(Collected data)
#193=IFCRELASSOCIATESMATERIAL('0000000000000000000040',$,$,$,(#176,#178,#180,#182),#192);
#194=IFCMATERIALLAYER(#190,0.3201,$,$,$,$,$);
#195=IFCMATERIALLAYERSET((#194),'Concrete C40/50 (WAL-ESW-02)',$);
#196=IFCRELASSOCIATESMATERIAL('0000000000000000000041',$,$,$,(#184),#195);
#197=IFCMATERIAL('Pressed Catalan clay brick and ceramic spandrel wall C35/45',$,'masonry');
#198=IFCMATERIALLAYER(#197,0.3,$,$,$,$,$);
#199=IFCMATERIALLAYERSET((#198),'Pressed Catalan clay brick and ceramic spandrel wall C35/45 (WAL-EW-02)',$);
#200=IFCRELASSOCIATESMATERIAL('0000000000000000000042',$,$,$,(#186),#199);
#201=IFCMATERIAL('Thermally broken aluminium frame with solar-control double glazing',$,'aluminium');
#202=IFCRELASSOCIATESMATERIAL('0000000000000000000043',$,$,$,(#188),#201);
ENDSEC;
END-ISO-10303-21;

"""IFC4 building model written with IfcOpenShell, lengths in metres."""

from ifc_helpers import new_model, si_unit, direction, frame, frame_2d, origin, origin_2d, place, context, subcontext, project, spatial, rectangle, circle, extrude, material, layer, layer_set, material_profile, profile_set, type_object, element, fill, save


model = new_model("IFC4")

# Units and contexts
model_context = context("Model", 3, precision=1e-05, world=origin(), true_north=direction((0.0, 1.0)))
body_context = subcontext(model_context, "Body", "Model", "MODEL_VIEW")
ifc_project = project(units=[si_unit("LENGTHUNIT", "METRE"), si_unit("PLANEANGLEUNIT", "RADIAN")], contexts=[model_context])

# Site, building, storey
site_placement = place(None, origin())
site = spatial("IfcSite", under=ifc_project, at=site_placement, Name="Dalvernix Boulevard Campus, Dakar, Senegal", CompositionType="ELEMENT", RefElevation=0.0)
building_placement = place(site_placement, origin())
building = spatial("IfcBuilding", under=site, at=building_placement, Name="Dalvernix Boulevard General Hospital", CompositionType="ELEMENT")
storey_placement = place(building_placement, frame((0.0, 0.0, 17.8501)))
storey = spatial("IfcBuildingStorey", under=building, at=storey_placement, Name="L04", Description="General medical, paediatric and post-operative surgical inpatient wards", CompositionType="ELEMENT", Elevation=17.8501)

Task directions: Using the exact wording, repeat all the entries.

Answer space:
#193=IFCRELASSOCIATESMATERIAL('0000000000000000000040',$,$,$,(#176,#178,#180,#182),#192);
#194=IFCMATERIALLAYER(#190,0.3201,$,$,$,$,$);
#195=IFCMATERIALLAYERSET((#194),'Concrete C40/50 (WAL-ESW-02)',$);
#196=IFCRELASSOCIATESMATERIAL('0000000000000000000041',$,$,$,(#184),#195);
#197=IFCMATERIAL('Pressed Catalan clay brick and ceramic spandrel wall C35/45',$,'masonry');
#198=IFCMATERIALLAYER(#197,0.3,$,$,$,$,$);
#199=IFCMATERIALLAYERSET((#198),'Pressed Catalan clay brick and ceramic spandrel wall C35/45 (WAL-EW-02)',$);
#200=IFCRELASSOCIATESMATERIAL('0000000000000000000042',$,$,$,(#186),#199);
#201=IFCMATERIAL('Thermally broken aluminium frame with solar-control double glazing',$,'aluminium');
#202=IFCRELASSOCIATESMATERIAL('0000000000000000000043',$,$,$,(#188),#201);
ENDSEC;
END-ISO-10303-21;

"""IFC4 building model written with IfcOpenShell, lengths in metres."""

from ifc_helpers import new_model, si_unit, direction, frame, frame_2d, origin, origin_2d, place, context, subcontext, project, spatial, rectangle, circle, extrude, material, layer, layer_set, material_profile, profile_set, type_object, element, fill, save


model = new_model("IFC4")

# Units and contexts
model_context = context("Model", 3, precision=1e-05, world=origin(), true_north=direction((0.0, 1.0)))
body_context = subcontext(model_context, "Body", "Model", "MODEL_VIEW")
ifc_project = project(units=[si_unit("LENGTHUNIT", "METRE"), si_unit("PLANEANGLEUNIT", "RADIAN")], contexts=[model_context])

# Site, building, storey
site_placement = place(None, origin())
site = spatial("IfcSite", under=ifc_project, at=site_placement, Name="Dalvernix Boulevard Campus, Dakar, Senegal", CompositionType="ELEMENT", RefElevation=0.0)
building_placement = place(site_placement, origin())
building = spatial("IfcBuilding", under=site, at=building_placement, Name="Dalvernix Boulevard General Hospital", CompositionType="ELEMENT")
storey_placement = place(building_placement, frame((0.0, 0.0, 17.8501)))
storey = spatial("IfcBuildingStorey", under=building, at=storey_placement, Name="L04", Description="General medical, paediatric and post-operative surgical inpatient wards", CompositionType="ELEMENT", Elevation=17.8501)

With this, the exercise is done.